* **Exercise materials**
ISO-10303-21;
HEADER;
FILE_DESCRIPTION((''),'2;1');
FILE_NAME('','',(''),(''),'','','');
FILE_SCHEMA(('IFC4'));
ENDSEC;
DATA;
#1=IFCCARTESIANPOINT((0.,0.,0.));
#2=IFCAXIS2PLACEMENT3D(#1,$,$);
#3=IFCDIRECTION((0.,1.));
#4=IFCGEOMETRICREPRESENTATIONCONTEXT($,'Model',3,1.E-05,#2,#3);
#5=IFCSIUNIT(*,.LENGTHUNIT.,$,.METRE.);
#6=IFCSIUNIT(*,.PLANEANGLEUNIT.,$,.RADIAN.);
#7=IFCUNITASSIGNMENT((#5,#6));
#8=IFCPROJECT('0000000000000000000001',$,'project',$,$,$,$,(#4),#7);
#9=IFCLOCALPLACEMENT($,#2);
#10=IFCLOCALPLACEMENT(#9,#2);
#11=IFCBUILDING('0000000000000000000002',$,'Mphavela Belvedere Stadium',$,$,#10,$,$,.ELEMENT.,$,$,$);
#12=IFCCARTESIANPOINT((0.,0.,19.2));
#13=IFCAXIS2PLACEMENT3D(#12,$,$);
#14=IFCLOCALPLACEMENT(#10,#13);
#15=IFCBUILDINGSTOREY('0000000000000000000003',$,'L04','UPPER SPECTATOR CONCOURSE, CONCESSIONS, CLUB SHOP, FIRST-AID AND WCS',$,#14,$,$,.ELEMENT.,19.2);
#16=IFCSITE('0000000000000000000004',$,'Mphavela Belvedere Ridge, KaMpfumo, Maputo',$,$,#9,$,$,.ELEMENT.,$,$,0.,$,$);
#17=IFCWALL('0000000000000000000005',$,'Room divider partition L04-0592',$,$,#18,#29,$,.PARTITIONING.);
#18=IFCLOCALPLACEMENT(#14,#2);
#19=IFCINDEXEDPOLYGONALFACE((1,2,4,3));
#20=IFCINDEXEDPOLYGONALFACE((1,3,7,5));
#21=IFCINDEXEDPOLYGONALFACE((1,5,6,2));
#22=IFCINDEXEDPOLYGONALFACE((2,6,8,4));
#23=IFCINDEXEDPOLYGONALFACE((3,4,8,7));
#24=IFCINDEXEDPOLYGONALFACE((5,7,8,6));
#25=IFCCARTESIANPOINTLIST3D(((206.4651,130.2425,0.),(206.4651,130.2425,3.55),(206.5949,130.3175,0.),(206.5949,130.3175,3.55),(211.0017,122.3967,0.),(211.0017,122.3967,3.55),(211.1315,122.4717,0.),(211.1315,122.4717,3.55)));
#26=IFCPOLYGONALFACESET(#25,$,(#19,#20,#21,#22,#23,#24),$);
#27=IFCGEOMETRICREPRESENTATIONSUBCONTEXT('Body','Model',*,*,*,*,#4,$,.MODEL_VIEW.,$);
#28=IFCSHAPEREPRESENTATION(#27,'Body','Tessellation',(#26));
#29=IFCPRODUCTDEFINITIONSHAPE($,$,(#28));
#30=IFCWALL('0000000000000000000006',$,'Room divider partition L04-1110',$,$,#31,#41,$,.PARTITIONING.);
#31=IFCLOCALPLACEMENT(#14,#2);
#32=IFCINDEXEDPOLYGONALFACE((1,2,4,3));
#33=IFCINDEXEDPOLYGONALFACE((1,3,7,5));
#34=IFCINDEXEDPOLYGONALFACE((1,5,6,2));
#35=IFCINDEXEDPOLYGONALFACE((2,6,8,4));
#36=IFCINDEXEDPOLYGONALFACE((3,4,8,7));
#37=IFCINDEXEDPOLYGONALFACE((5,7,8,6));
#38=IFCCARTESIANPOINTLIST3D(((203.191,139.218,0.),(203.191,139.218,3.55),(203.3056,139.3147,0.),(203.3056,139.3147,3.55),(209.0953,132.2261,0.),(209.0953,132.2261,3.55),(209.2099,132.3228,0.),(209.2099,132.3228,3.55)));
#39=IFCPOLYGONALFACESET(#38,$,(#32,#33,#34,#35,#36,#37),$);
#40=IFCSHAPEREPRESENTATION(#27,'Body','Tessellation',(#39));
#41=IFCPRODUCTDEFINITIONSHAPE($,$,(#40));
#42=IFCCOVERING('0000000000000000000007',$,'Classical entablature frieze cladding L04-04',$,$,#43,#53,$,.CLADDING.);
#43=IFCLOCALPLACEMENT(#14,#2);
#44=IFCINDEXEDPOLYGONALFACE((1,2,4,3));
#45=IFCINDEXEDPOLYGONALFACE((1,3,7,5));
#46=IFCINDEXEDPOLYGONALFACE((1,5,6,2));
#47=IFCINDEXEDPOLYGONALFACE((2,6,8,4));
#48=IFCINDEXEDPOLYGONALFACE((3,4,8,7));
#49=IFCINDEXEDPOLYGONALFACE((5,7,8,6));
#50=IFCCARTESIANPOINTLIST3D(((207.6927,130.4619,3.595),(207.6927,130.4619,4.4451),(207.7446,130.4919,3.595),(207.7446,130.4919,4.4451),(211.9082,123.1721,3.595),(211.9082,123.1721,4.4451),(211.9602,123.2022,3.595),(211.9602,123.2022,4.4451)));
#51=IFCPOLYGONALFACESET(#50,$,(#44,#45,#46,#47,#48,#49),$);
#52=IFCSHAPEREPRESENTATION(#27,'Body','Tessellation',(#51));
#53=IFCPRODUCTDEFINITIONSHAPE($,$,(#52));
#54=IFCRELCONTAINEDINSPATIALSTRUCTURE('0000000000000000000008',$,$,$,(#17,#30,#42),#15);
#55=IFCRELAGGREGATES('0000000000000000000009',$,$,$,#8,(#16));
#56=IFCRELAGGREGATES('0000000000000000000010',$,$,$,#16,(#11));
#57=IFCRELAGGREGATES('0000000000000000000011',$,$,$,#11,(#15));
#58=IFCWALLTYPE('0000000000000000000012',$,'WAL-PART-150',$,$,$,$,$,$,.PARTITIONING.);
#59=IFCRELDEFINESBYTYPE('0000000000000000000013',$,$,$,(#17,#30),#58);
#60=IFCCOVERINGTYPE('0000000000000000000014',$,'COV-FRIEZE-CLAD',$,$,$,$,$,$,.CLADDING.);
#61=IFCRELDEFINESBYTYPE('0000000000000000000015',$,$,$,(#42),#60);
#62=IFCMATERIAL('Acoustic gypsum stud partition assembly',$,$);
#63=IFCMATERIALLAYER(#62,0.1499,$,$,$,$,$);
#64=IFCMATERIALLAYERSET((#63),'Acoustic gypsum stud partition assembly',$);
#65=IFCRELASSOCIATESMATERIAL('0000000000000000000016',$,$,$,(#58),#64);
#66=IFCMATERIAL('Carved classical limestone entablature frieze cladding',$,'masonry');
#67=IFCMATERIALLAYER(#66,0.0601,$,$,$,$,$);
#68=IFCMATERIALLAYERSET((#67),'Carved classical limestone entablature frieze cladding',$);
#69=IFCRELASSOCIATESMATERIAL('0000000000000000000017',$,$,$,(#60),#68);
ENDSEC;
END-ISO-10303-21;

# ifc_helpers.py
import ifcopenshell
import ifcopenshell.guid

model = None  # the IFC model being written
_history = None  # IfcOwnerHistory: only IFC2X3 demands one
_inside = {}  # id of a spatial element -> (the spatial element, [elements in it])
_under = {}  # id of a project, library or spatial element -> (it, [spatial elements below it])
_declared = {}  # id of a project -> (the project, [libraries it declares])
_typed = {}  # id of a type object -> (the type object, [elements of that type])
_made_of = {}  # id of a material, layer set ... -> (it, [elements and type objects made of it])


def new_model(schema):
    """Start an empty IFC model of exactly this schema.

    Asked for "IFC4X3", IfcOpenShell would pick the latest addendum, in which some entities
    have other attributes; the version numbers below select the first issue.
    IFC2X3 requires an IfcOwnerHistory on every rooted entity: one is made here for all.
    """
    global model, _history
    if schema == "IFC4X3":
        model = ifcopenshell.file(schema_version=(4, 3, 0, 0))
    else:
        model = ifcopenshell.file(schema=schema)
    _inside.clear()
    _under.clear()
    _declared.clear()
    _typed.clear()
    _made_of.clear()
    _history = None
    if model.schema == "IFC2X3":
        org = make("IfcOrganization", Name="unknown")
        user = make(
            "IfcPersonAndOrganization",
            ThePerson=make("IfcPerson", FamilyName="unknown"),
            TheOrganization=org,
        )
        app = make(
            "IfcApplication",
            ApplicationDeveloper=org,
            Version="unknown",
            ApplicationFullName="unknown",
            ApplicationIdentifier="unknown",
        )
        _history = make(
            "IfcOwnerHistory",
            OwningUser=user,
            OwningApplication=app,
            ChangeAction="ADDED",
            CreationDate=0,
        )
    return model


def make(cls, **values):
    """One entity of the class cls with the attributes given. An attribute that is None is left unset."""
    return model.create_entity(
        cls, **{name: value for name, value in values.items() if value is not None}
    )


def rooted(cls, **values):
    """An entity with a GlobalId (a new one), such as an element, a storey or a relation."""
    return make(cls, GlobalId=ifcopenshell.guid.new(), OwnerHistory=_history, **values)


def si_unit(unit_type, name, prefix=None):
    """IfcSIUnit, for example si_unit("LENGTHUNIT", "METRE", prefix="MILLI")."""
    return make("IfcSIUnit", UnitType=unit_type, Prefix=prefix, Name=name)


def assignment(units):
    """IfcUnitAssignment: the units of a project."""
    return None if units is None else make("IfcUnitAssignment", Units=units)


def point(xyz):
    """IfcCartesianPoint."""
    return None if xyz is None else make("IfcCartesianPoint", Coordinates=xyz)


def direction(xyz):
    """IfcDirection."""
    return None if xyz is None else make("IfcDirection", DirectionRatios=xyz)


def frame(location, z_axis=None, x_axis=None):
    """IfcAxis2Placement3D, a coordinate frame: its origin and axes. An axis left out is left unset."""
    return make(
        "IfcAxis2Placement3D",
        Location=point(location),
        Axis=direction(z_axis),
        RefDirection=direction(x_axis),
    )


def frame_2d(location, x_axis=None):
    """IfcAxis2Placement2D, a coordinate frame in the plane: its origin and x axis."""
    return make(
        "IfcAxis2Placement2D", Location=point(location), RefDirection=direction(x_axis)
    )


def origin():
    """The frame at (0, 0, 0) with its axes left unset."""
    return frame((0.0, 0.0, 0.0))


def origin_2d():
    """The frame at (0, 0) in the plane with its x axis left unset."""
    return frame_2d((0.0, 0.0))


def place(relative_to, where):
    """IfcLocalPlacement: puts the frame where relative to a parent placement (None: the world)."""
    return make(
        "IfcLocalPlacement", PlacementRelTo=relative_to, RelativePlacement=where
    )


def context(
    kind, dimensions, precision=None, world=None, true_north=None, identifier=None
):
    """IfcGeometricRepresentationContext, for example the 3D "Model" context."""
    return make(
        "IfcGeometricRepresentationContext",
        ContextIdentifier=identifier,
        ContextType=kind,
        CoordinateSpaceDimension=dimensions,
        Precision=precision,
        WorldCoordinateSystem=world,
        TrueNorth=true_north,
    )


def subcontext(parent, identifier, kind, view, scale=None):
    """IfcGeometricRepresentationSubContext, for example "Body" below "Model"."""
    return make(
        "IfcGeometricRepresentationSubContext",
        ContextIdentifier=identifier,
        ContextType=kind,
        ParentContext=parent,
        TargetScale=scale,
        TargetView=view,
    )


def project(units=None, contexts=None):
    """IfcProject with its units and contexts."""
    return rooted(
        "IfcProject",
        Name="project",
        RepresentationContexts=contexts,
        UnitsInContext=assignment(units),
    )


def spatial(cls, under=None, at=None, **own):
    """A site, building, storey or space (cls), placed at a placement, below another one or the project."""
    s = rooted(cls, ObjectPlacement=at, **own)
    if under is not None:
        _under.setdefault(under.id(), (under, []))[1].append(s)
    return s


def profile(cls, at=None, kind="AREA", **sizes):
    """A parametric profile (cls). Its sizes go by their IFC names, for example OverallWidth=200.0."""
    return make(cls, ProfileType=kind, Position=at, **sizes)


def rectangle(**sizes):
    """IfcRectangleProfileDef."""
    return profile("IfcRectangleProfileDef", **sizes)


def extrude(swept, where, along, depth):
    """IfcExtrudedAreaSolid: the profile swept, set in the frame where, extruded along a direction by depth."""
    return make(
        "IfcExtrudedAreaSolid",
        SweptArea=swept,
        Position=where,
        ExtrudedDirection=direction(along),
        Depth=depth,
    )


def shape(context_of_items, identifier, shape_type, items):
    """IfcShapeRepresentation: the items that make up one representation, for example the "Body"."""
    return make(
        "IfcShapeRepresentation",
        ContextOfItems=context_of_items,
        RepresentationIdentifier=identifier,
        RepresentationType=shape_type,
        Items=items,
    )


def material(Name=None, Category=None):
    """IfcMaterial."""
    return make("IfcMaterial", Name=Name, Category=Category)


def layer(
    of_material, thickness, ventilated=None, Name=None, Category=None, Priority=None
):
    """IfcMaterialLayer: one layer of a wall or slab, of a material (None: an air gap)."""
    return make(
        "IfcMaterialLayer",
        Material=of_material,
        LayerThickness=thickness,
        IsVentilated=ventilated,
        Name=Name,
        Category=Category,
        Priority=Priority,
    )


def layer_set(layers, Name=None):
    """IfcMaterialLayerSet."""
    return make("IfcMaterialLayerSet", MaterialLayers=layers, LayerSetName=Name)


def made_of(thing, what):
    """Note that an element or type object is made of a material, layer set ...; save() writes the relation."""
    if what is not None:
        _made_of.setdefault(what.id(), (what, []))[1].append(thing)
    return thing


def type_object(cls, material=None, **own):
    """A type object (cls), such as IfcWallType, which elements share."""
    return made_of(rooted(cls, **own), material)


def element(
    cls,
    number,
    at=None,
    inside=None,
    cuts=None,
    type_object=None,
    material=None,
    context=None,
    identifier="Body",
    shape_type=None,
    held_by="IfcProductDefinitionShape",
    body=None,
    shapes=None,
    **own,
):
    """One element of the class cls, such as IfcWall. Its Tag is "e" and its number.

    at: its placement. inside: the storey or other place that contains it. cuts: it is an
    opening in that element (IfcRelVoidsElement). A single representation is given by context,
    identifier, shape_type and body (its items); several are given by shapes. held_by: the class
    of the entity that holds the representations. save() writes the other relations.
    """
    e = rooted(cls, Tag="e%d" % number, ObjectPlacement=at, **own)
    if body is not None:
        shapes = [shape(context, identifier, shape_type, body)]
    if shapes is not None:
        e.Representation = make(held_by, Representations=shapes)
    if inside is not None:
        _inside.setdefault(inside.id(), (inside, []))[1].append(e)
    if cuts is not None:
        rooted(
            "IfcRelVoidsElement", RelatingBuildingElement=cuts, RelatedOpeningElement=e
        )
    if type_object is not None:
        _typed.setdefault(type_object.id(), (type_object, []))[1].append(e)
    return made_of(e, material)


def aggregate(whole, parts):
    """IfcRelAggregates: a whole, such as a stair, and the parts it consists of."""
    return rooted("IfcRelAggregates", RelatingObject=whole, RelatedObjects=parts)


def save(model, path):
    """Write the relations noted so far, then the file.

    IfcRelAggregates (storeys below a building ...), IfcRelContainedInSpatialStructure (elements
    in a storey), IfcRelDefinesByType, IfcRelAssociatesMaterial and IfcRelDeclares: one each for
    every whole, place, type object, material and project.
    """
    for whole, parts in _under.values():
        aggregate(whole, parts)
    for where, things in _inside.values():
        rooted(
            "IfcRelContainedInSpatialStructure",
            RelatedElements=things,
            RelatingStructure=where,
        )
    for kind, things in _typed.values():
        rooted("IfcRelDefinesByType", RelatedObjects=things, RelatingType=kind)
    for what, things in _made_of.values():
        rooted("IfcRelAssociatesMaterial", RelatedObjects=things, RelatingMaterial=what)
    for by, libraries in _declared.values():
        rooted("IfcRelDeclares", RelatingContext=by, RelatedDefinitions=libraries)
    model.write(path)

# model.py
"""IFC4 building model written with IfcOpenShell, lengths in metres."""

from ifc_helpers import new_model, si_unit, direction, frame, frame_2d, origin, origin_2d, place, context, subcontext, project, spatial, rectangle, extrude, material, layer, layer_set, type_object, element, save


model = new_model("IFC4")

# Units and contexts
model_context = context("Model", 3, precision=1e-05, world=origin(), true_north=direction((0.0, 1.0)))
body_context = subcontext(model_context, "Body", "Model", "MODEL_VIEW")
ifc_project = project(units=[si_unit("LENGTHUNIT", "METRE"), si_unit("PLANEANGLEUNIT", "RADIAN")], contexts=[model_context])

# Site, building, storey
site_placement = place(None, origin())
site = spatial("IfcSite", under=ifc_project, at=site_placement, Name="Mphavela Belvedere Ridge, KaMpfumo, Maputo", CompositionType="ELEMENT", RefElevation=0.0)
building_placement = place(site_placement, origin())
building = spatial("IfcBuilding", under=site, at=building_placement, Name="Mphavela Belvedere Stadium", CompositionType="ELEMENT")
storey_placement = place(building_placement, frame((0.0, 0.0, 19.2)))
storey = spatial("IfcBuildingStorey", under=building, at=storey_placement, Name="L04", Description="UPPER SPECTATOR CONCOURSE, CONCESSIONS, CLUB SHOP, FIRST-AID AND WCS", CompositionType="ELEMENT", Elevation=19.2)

* **Task statement**
Read the lines above. Gather those in which the string "IfcRectangleProfileDef" is found.

* **Response area**
    """IfcRectangleProfileDef."""
    return profile("IfcRectangleProfileDef", **sizes)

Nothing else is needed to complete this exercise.